Where in the data below does the word "IFCSHAPEREPRESENTATION" appear? Copy every line that has it.
■ ■ ■ ■ ■
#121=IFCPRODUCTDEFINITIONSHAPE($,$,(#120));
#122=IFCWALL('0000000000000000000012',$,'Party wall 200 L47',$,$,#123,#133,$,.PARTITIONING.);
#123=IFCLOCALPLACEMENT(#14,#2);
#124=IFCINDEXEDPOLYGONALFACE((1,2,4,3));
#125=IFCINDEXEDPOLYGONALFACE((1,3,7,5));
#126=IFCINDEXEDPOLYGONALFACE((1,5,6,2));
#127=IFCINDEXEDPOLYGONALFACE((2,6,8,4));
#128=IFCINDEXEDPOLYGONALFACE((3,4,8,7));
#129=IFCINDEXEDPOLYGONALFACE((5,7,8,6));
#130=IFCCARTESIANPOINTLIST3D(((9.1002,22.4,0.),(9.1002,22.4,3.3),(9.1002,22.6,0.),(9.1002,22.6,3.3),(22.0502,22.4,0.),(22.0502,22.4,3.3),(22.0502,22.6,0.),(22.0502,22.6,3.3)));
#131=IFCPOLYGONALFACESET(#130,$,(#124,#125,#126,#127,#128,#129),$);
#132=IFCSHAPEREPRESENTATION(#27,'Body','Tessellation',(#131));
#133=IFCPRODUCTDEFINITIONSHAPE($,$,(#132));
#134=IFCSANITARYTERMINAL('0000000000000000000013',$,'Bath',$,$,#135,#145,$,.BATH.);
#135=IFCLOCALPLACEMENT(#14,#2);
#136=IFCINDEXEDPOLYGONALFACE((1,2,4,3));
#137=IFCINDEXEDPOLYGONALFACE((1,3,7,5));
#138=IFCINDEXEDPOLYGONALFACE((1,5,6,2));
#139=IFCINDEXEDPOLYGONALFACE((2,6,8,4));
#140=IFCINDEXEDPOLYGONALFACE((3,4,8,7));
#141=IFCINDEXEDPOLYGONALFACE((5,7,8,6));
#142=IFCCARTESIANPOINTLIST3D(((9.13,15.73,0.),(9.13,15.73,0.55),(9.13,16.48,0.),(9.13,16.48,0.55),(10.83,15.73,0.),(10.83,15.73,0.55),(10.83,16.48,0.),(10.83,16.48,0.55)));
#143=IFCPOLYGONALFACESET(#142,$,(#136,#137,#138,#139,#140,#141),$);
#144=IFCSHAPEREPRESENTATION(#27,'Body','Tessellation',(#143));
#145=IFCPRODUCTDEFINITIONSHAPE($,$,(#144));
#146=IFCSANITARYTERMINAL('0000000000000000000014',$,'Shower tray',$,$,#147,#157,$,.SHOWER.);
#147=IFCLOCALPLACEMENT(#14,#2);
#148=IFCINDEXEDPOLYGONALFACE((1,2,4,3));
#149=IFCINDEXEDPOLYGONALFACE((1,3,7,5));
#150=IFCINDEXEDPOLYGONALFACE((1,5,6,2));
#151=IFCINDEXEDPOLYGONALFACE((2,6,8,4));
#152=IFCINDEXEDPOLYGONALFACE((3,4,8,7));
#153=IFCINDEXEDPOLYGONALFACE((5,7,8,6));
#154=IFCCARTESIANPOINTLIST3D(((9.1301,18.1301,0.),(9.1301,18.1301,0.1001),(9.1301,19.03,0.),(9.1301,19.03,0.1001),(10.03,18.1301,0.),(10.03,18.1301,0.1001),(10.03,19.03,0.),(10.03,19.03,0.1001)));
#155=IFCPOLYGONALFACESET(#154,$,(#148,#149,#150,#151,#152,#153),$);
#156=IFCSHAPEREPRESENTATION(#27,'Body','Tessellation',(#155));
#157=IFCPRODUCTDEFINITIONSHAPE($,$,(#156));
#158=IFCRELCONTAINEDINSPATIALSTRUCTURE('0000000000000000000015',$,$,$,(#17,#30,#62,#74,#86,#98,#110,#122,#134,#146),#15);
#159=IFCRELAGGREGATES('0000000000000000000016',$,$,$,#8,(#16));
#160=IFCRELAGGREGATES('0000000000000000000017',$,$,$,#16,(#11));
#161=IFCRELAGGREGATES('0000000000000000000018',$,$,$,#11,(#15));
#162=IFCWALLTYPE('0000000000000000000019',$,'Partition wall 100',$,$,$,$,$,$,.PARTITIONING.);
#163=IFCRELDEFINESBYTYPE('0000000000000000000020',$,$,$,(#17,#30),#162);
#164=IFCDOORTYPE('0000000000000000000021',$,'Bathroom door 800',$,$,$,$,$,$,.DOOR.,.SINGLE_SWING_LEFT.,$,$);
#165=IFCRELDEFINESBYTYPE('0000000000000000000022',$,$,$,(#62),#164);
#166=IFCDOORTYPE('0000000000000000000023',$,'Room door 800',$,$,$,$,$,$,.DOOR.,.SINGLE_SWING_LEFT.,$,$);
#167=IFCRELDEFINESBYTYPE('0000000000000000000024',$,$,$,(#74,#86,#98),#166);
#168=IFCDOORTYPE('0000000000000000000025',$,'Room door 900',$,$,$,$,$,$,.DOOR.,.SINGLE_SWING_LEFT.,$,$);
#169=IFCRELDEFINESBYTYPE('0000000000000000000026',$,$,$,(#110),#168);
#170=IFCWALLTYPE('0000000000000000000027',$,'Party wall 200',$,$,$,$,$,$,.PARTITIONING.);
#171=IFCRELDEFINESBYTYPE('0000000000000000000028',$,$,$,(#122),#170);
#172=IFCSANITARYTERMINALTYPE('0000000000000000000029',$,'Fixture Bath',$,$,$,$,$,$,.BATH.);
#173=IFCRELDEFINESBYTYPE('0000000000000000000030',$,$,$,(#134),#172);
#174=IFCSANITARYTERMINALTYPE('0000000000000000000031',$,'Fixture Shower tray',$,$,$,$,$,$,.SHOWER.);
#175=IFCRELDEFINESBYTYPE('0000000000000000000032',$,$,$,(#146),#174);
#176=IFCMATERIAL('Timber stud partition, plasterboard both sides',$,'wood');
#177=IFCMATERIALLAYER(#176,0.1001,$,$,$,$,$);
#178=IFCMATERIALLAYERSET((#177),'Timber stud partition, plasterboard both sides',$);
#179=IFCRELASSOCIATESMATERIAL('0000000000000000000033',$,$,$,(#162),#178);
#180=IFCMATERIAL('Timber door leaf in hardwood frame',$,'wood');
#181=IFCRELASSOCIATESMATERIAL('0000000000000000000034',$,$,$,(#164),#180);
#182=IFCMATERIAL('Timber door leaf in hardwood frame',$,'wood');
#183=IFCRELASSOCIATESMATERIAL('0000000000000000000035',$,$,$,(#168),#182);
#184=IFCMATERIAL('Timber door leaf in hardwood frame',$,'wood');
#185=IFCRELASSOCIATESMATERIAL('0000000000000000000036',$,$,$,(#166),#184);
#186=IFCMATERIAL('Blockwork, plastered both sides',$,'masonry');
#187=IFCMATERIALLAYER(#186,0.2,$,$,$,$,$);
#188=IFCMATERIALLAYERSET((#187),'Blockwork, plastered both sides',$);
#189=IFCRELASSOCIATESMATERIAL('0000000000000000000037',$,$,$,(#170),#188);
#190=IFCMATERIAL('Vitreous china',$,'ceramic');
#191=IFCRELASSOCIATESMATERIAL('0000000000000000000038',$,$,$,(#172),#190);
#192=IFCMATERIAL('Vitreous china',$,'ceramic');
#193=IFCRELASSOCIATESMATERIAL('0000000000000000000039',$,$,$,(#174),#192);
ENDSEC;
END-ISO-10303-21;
■ ■ ■ ■ ■
EXERCISE OUTPUT →
#132=IFCSHAPEREPRESENTATION(#27,'Body','Tessellation',(#131));
#144=IFCSHAPEREPRESENTATION(#27,'Body','Tessellation',(#143));
#156=IFCSHAPEREPRESENTATION(#27,'Body','Tessellation',(#155));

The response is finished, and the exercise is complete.